Data records -
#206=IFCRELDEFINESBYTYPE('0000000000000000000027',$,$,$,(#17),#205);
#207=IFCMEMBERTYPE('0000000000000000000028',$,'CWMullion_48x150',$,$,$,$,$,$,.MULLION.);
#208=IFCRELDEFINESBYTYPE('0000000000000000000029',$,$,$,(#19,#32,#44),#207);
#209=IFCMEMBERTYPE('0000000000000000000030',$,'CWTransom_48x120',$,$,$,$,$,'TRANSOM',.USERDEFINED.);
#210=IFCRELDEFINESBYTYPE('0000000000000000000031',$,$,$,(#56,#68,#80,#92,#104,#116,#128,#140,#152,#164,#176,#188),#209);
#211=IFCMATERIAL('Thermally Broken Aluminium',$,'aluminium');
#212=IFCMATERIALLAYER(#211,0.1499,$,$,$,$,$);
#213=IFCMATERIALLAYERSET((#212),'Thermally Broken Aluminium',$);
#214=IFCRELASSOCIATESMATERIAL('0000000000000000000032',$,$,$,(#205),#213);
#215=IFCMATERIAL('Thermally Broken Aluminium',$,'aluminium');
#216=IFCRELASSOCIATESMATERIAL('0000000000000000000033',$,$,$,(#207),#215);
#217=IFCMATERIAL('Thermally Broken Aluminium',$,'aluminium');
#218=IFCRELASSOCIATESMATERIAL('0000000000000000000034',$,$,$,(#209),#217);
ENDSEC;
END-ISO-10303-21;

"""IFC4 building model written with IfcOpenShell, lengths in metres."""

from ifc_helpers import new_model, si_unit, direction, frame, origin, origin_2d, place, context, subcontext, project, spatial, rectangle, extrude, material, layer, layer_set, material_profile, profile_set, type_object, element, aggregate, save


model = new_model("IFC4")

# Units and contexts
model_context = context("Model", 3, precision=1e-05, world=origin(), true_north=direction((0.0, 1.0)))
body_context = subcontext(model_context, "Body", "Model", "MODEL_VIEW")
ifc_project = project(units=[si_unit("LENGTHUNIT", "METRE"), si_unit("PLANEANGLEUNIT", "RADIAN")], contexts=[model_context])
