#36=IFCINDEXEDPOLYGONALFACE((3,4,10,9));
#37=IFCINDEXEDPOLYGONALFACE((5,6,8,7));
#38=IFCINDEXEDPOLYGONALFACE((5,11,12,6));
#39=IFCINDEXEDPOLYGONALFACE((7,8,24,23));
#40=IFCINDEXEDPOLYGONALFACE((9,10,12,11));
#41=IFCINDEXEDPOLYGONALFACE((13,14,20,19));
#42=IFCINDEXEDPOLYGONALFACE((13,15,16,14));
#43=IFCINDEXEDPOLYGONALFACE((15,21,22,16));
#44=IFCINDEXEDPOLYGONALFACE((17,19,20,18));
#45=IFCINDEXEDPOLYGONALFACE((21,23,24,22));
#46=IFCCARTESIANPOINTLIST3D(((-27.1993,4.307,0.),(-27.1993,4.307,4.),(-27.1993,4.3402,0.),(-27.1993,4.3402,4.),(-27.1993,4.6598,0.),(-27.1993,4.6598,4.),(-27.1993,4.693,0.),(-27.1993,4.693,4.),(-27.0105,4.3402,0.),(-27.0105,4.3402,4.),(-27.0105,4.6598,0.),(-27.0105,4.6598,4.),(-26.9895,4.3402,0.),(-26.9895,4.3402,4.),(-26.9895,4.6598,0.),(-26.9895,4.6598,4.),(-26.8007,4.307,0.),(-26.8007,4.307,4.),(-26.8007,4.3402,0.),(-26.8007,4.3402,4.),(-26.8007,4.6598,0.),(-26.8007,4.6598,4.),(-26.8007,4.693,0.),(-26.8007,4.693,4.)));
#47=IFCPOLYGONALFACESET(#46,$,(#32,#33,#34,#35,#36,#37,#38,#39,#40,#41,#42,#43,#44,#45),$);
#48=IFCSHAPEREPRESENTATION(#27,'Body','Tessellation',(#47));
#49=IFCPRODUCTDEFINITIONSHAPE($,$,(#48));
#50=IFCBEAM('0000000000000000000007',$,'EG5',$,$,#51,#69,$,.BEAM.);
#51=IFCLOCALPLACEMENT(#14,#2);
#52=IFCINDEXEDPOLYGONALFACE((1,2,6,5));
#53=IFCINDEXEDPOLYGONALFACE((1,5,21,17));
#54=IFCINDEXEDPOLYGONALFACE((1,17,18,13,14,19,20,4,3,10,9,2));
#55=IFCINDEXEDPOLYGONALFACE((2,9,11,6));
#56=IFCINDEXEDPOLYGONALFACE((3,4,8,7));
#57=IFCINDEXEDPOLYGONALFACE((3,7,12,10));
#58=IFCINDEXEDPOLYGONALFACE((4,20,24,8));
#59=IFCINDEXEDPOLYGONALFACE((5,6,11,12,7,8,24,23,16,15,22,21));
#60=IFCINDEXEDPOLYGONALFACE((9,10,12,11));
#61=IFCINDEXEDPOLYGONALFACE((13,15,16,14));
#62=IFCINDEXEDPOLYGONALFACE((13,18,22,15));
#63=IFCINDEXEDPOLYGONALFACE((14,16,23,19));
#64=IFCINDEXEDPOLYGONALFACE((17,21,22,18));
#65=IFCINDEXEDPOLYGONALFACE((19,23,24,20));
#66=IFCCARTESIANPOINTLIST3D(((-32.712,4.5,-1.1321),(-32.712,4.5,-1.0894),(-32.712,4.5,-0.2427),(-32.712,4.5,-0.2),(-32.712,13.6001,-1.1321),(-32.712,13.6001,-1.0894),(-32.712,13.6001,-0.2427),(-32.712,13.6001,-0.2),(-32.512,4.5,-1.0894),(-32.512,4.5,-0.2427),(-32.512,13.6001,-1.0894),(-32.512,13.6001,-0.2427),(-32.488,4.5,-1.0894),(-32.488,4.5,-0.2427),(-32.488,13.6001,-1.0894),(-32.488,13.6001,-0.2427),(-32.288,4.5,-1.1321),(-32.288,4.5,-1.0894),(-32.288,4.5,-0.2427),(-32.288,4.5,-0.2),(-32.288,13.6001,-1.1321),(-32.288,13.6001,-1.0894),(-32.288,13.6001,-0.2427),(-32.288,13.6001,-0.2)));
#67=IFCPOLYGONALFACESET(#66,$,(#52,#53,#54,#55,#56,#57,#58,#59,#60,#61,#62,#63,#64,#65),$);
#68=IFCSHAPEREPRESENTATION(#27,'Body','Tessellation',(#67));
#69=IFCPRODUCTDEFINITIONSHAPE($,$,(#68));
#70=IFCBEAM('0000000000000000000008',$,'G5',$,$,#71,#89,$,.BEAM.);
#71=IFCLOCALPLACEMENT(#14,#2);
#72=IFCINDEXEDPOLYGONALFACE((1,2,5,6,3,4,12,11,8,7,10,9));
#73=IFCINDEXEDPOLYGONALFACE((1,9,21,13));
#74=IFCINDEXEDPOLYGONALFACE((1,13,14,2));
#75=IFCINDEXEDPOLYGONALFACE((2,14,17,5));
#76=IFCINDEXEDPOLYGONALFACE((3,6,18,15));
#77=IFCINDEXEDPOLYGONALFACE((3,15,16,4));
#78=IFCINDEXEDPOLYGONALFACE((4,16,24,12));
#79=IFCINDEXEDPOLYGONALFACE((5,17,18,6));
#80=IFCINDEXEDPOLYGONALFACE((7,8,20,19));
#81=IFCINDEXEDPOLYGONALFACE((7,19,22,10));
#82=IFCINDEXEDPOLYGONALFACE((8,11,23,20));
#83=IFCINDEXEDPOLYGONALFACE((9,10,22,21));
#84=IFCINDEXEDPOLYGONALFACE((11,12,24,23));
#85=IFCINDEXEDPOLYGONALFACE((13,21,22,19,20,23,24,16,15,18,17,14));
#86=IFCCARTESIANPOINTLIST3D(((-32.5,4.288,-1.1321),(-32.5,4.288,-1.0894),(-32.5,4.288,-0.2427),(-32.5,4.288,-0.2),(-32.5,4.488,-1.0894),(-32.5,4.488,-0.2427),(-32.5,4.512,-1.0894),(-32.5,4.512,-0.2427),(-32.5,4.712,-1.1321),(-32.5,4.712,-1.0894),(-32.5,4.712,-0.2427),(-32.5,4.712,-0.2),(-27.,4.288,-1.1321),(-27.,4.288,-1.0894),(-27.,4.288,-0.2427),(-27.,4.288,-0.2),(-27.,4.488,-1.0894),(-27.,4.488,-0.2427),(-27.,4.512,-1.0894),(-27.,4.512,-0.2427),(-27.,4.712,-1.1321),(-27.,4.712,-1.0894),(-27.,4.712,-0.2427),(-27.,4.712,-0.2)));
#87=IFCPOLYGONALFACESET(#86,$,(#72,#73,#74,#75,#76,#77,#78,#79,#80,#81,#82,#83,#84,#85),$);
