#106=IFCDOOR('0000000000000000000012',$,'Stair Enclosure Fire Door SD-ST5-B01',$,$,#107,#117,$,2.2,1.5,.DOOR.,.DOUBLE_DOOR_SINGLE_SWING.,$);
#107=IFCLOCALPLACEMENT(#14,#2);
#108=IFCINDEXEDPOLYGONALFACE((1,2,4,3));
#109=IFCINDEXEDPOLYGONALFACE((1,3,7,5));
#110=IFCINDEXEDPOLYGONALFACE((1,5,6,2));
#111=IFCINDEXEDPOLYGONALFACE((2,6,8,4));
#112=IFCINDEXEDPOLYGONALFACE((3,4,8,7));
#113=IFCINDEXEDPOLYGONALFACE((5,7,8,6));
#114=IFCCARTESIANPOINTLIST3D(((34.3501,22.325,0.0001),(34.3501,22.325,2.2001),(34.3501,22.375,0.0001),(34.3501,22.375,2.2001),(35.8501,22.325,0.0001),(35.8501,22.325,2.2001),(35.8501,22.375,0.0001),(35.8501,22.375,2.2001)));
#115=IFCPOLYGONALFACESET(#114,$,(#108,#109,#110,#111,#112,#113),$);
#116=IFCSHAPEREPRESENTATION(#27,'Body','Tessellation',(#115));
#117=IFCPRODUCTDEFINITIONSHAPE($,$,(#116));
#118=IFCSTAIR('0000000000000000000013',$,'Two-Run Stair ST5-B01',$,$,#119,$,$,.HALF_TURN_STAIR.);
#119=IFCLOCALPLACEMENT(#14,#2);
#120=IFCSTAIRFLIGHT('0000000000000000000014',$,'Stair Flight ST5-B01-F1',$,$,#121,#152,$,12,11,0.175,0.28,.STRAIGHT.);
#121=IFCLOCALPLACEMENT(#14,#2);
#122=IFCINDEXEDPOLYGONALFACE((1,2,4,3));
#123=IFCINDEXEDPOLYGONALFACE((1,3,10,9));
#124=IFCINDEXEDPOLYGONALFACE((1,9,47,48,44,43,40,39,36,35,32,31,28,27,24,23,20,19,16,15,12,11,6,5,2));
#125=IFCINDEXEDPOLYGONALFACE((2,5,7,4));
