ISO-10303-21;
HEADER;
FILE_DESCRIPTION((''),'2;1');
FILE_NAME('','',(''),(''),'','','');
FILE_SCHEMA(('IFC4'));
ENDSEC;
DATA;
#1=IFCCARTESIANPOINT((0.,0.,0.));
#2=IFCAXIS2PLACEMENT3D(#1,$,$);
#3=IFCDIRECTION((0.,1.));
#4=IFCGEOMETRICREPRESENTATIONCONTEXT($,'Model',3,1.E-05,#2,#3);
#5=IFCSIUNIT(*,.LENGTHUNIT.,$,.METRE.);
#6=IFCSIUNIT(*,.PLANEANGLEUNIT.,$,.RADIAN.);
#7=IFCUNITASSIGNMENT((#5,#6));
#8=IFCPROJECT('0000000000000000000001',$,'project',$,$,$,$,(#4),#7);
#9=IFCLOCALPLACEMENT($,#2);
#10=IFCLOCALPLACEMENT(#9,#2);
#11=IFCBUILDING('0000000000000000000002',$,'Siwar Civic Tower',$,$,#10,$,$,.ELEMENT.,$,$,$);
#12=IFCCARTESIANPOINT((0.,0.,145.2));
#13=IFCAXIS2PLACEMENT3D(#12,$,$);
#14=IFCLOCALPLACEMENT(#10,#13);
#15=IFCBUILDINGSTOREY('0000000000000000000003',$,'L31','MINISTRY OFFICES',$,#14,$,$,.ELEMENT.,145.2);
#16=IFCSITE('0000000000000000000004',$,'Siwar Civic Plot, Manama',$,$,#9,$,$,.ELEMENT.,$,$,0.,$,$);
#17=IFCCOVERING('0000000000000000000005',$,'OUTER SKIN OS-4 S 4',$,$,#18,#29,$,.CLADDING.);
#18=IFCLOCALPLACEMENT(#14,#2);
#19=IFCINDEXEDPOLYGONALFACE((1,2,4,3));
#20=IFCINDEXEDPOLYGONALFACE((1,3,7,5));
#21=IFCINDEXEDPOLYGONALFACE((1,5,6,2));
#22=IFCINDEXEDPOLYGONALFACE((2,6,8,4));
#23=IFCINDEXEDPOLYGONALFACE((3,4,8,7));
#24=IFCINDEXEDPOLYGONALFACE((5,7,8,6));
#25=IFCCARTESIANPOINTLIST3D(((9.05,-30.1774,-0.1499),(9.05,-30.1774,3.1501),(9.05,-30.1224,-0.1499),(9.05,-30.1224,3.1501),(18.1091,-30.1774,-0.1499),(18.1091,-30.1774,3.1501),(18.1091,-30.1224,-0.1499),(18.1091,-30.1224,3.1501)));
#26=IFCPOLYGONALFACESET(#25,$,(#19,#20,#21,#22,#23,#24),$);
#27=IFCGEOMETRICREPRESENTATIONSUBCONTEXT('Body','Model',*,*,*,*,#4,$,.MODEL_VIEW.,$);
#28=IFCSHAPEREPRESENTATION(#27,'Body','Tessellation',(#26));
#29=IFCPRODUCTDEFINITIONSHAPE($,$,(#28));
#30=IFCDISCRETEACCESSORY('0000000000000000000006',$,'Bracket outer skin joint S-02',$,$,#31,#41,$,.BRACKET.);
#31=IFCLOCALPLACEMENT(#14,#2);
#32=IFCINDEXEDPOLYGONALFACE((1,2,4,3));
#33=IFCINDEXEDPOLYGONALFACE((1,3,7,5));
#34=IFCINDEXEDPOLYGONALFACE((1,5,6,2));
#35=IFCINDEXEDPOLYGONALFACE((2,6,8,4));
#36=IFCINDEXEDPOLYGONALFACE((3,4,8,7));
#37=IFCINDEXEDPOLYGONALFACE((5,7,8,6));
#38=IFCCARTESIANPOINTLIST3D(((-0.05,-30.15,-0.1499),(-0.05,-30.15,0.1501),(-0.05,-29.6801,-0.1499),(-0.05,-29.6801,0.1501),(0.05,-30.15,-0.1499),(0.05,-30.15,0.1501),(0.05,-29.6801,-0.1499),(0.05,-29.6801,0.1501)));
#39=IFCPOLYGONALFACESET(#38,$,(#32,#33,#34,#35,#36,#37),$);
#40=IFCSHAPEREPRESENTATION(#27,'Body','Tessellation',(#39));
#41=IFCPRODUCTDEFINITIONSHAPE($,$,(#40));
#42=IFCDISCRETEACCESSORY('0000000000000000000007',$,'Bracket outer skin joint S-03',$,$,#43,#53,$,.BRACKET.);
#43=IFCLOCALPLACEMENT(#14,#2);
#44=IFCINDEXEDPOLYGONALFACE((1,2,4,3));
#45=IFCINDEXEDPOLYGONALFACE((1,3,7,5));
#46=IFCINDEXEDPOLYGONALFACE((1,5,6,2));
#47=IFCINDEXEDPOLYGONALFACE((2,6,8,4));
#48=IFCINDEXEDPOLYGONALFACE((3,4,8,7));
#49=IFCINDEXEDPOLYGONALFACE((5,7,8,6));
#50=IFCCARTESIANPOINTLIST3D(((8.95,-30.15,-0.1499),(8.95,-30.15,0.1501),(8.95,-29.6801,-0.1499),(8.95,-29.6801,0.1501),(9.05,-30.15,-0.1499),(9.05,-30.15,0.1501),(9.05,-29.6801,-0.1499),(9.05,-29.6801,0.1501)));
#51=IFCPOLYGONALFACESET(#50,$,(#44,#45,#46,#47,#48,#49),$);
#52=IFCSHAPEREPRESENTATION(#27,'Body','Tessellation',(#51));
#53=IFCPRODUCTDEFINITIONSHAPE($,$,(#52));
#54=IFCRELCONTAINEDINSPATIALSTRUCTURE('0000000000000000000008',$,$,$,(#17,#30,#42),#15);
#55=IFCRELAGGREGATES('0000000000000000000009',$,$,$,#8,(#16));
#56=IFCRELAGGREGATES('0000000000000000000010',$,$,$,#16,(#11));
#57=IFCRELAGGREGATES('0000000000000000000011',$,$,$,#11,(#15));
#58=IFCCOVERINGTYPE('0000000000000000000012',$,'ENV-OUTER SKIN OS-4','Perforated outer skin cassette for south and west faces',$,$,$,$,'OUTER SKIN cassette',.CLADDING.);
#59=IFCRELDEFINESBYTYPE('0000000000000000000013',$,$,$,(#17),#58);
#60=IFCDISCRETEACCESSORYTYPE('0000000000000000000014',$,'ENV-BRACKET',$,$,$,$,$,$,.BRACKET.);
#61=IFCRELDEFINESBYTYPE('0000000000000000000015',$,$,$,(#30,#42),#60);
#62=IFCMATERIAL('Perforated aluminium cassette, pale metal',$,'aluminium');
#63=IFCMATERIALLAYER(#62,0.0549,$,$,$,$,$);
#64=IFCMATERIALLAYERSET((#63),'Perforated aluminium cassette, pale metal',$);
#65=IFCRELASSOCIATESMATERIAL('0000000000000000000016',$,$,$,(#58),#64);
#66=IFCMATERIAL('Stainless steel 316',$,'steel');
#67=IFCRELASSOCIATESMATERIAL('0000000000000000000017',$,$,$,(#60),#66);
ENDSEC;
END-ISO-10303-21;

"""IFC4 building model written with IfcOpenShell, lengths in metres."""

from ifc_helpers import new_model, si_unit, direction, frame, origin, origin_2d, place, context, subcontext, project, spatial, rectangle, extrude, material, layer, layer_set, type_object, element, save


model = new_model("IFC4")

# Units and contexts
model_context = context("Model", 3, precision=1e-05, world=origin(), true_north=direction((0.0, 1.0)))
body_context = subcontext(model_context, "Body", "Model", "MODEL_VIEW")
ifc_project = project(units=[si_unit("LENGTHUNIT", "METRE"), si_unit("PLANEANGLEUNIT", "RADIAN")], contexts=[model_context])

# Site, building, storey
site_placement = place(None, origin())
site = spatial("IfcSite", under=ifc_project, at=site_placement, Name="Siwar Civic Plot, Manama", CompositionType="ELEMENT", RefElevation=0.0)
building_placement = place(site_placement, origin())
building = spatial("IfcBuilding", under=site, at=building_placement, Name="Siwar Civic Tower", CompositionType="ELEMENT")
storey_placement = place(building_placement, frame((0.0, 0.0, 145.2)))
storey = spatial("IfcBuildingStorey", under=building, at=storey_placement, Name="L31", Description="MINISTRY OFFICES", CompositionType="ELEMENT", Elevation=145.2)

# Covering
ifc_material_1 = material(Name="Perforated aluminium cassette, pale metal", Category="aluminium")
ifc_layer_1 = layer(ifc_material_1, 0.0549)
ifc_layer_set_1 = layer_set([ifc_layer_1], Name="Perforated aluminium cassette, pale metal")
covering_type = type_object("IfcCoveringType", Name="ENV-OUTER SKIN OS-4", Description="Perforated outer skin cassette for south and west faces", ElementType="OUTER SKIN cassette", PredefinedType="CLADDING", material=ifc_layer_set_1)
covering_1_placement = place(storey_placement, frame((13.5796, -30.1499, -0.1499), z_axis=(0.0, 0.0, 1.0), x_axis=(1.0, 0.0, 0.0)))
element("IfcCovering", 1, at=covering_1_placement, inside=storey, type_object=covering_type, Name="OUTER SKIN OS-4 S 4", PredefinedType="CLADDING", context=body_context, shape_type="SweptSolid", body=[
    extrude(rectangle(XDim=9.0591, YDim=0.0549, at=origin_2d()), origin(), (0.0, 0.0, 1.0), 3.3),
])

# Discrete accessories
ifc_material_2 = material(Name="Stainless steel 316", Category="steel")
discrete_accessory_type = type_object("IfcDiscreteAccessoryType", Name="ENV-BRACKET", PredefinedType="BRACKET", material=ifc_material_2)
for number, where, z_axis, x_axis, name in (
    (2, (0.0, -29.915, -0.1499), (0.0, 0.0, 1.0), (0.0, -1.0, 0.0), "Bracket outer skin joint S-02"),
    (3, (9.0, -29.915, -0.1499), (0.0, 0.0, 1.0), (0.0, -1.0, 0.0), "Bracket outer skin joint S-03"),
):
    element("IfcDiscreteAccessory", number, at=place(storey_placement, frame(where, z_axis=z_axis, x_axis=x_axis)), inside=storey, type_object=discrete_accessory_type, Name=name, PredefinedType="BRACKET", context=body_context, shape_type="SweptSolid", body=[
        extrude(rectangle(XDim=0.47, YDim=0.1001, at=origin_2d()), origin(), (0.0, 0.0, 1.0), 0.3),
    ])

save(model, "model.ifc")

Work item -
Each line above that has the word "IFCRELAGGREGATES" must be copied.

Answer area -
#55=IFCRELAGGREGATES('0000000000000000000009',$,$,$,#8,(#16));
#56=IFCRELAGGREGATES('0000000000000000000010',$,$,$,#16,(#11));
#57=IFCRELAGGREGATES('0000000000000000000011',$,$,$,#11,(#15));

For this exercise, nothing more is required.